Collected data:
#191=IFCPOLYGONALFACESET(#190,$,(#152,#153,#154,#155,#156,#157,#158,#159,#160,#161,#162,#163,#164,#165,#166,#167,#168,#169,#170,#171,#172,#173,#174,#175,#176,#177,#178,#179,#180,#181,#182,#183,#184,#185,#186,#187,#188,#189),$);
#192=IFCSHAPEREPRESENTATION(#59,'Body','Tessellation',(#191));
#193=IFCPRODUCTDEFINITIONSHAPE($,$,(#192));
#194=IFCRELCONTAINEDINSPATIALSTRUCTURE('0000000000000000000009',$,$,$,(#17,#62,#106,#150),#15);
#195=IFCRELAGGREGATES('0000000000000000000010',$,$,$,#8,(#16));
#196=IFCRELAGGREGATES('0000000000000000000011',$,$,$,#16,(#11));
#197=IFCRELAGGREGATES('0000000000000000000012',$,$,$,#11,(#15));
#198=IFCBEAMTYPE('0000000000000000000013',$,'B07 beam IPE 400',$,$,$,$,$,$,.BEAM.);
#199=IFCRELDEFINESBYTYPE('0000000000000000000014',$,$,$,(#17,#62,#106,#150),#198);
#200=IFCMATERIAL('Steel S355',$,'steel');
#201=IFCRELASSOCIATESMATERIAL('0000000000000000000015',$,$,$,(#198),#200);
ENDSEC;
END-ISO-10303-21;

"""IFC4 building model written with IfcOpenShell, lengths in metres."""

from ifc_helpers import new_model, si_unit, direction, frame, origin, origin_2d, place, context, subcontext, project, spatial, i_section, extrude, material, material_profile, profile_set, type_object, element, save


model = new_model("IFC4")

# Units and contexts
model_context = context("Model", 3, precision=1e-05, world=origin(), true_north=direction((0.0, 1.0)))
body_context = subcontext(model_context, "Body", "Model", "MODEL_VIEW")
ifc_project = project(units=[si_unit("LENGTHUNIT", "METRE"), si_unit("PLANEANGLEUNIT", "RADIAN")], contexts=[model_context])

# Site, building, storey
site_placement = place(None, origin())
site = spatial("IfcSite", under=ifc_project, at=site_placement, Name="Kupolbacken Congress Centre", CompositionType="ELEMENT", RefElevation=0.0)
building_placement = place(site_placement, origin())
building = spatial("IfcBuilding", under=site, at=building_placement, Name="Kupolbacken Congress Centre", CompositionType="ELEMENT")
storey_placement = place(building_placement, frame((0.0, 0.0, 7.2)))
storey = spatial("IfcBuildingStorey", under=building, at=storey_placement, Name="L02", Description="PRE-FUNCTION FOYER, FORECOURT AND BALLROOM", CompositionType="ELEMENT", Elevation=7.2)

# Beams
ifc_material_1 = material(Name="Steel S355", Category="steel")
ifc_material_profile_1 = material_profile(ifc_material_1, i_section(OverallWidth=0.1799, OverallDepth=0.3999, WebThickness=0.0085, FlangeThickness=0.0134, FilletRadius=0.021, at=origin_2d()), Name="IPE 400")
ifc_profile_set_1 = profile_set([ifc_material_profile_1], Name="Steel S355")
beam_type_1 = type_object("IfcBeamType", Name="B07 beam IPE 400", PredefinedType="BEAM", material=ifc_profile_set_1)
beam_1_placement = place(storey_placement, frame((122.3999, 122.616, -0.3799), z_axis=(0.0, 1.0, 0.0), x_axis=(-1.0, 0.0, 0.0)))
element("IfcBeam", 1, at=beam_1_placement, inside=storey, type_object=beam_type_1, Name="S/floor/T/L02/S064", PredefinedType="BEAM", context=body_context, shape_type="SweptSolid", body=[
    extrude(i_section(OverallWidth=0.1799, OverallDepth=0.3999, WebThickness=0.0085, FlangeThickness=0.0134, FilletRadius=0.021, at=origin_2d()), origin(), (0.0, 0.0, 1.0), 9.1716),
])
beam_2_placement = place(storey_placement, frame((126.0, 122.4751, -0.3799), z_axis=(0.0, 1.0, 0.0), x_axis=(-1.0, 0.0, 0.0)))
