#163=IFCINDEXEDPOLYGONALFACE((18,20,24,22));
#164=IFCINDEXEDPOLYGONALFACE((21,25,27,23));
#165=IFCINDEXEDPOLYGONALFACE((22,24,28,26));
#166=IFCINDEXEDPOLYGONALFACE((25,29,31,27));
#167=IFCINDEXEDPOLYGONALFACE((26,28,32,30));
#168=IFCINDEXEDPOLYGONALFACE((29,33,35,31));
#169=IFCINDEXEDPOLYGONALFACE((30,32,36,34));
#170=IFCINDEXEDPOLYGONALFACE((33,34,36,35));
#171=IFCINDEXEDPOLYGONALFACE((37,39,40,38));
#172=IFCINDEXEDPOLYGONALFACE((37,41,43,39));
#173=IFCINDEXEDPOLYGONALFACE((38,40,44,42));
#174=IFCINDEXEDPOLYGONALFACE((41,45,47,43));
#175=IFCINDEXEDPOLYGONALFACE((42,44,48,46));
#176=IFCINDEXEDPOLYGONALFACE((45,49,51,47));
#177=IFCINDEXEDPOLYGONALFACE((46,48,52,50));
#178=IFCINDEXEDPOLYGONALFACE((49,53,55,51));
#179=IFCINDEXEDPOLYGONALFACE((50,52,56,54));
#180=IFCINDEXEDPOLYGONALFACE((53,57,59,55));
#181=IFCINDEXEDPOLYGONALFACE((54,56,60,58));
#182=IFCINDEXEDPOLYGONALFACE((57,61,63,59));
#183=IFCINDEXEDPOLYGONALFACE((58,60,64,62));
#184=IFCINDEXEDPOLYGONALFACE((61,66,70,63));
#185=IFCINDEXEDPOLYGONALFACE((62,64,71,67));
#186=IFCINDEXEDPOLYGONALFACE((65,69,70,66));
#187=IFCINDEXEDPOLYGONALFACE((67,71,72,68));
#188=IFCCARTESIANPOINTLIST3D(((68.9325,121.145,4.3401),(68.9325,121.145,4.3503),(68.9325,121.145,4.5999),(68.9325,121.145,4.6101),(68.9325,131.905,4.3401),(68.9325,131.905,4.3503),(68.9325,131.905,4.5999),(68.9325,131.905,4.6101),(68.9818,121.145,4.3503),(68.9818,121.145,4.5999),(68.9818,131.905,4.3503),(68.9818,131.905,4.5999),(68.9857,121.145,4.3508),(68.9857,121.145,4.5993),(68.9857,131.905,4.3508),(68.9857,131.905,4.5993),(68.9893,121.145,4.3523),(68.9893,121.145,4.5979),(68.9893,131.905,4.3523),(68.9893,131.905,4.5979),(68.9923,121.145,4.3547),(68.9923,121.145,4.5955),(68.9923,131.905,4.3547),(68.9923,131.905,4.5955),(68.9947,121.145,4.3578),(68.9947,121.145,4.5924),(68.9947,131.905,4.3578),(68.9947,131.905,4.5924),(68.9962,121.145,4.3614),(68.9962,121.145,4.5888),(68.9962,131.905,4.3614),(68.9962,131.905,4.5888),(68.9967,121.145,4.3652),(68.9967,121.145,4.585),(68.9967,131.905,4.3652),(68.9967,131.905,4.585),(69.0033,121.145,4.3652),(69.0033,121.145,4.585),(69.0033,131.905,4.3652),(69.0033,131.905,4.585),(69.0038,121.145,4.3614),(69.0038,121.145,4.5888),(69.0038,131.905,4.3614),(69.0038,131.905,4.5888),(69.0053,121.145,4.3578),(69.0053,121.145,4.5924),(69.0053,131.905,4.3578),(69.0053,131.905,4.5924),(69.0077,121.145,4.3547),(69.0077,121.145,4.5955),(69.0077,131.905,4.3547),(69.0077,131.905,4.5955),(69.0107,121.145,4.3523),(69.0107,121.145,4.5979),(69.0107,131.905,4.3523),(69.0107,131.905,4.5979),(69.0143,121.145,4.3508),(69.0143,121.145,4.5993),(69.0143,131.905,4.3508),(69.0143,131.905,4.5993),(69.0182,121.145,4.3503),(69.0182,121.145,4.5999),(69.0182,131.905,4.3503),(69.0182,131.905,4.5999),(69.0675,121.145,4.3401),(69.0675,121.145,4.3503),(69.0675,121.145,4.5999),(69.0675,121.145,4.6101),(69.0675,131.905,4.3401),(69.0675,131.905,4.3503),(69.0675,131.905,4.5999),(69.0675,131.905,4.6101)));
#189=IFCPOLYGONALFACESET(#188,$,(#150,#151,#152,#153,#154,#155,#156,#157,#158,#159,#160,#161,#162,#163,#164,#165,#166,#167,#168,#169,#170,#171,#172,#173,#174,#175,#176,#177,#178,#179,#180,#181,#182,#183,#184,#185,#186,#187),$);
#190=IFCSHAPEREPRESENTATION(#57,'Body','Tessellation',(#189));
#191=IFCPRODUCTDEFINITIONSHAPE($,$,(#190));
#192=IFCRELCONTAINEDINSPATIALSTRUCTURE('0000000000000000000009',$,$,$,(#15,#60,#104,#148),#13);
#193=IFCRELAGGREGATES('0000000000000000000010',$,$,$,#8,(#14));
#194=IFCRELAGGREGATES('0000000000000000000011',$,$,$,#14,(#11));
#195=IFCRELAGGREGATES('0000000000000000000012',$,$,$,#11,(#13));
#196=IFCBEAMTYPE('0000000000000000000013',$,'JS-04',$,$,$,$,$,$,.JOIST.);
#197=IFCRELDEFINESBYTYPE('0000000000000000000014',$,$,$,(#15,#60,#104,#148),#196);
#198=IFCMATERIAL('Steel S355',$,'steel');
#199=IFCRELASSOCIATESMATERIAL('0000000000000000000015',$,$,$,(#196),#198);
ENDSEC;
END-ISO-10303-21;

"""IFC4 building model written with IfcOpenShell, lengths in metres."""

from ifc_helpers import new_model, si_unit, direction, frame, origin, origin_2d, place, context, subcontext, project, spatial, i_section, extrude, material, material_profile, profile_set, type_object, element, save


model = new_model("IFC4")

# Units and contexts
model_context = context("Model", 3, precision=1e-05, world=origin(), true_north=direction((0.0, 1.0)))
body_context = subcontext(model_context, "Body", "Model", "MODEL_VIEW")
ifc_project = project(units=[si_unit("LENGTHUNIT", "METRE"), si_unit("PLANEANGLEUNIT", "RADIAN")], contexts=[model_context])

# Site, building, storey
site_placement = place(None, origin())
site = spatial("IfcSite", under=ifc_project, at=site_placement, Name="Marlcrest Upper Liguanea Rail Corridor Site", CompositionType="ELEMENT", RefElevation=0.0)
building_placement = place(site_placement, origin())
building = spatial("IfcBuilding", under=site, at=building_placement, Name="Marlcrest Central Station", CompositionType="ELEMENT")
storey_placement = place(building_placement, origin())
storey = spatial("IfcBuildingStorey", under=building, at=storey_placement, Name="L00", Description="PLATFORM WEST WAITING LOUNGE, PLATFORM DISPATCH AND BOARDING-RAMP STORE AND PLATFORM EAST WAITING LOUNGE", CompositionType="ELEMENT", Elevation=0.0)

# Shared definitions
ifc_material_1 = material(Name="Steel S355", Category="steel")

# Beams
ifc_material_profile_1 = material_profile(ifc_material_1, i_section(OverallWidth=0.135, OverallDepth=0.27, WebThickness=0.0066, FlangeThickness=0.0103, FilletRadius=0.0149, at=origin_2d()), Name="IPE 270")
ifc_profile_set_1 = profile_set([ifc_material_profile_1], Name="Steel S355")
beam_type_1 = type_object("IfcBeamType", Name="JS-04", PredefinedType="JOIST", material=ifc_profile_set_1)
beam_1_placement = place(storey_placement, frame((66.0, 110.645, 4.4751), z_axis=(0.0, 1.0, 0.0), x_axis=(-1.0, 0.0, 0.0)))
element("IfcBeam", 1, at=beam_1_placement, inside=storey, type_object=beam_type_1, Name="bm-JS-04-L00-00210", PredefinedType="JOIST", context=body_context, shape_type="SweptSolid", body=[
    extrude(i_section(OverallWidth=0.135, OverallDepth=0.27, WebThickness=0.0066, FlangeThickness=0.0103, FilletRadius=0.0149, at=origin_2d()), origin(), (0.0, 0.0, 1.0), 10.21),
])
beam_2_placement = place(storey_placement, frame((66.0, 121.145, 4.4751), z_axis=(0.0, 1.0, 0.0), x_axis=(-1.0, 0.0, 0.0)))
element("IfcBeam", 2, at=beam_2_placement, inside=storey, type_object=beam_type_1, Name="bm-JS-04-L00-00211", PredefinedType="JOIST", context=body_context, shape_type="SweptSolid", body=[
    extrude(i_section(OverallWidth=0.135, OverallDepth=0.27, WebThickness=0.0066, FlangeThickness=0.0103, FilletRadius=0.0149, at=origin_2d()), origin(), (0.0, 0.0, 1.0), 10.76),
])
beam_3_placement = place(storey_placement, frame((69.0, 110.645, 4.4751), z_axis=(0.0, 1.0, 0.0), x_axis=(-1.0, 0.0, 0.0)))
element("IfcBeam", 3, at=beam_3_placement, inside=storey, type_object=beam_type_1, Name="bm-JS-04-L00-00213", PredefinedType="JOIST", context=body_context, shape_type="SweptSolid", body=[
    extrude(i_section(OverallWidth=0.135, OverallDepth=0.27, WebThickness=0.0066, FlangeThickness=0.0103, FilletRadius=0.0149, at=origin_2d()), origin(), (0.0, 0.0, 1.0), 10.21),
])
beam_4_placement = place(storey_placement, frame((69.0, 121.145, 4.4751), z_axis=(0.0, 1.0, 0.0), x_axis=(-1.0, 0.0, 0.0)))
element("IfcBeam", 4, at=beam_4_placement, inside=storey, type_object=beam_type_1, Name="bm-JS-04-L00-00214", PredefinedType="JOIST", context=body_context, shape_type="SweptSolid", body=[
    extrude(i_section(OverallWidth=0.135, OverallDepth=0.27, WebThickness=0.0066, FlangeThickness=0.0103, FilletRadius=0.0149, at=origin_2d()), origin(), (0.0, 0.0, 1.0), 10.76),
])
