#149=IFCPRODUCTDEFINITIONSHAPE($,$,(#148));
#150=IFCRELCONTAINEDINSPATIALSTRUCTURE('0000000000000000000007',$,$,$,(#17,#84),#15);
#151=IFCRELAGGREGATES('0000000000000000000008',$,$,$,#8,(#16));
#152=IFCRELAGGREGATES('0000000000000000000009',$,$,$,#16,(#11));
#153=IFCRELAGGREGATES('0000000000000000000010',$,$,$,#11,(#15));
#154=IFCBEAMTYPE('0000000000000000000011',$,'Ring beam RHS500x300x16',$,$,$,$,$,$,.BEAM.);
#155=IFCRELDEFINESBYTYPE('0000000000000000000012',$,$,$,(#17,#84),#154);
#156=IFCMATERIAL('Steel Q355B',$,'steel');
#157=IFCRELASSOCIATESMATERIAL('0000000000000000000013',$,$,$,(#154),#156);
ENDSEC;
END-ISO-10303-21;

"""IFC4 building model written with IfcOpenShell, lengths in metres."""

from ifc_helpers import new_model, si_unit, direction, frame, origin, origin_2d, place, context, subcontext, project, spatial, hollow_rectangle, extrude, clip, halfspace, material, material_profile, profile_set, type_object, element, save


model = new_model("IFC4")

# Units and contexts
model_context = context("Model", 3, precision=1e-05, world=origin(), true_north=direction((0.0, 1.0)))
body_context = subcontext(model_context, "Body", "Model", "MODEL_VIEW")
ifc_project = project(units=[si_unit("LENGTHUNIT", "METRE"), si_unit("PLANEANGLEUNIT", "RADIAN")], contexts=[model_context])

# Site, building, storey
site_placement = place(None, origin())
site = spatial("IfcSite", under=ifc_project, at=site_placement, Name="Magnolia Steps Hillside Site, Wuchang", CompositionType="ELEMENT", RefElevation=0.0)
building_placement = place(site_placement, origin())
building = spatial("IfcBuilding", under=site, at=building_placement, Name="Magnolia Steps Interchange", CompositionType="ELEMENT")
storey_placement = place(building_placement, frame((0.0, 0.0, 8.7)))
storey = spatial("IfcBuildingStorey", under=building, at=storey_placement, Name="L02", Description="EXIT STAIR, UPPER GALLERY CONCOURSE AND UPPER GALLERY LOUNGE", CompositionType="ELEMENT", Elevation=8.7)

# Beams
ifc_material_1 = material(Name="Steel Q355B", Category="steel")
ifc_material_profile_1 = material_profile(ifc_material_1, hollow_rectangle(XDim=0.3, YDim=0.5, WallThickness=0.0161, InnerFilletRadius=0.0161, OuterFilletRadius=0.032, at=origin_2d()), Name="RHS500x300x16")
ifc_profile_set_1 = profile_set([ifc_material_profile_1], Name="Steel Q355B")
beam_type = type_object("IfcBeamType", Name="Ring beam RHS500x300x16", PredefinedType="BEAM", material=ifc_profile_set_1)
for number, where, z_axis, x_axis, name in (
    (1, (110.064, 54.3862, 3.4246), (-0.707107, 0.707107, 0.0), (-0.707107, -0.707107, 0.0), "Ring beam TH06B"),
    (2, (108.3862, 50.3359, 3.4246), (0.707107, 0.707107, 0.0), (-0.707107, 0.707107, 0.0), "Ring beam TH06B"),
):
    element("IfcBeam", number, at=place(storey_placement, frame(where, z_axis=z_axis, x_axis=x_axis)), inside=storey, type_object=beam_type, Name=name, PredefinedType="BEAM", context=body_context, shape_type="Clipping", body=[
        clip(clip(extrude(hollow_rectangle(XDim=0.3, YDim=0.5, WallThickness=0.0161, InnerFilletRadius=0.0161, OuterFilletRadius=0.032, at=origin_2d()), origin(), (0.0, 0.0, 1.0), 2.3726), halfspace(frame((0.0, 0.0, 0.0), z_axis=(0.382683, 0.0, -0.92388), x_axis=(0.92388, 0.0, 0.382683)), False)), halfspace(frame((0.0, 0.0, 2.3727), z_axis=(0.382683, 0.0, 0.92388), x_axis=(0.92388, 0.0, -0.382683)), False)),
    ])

What the exercise asks:
If a line falls between the first line of the records and the line containing "#192=IFCSHAPEREPRESENTATION(#59,'Body','Tessellation',(#191));", inclusive, repeat it exactly; leave out all others.

Solution for this problem:
#191=IFCPOLYGONALFACESET(#190,$,(#152,#153,#154,#155,#156,#157,#158,#159,#160,#161,#162,#163,#164,#165,#166,#167,#168,#169,#170,#171,#172,#173,#174,#175,#176,#177,#178,#179,#180,#181,#182,#183,#184,#185,#186,#187,#188,#189),$);
#192=IFCSHAPEREPRESENTATION(#59,'Body','Tessellation',(#191));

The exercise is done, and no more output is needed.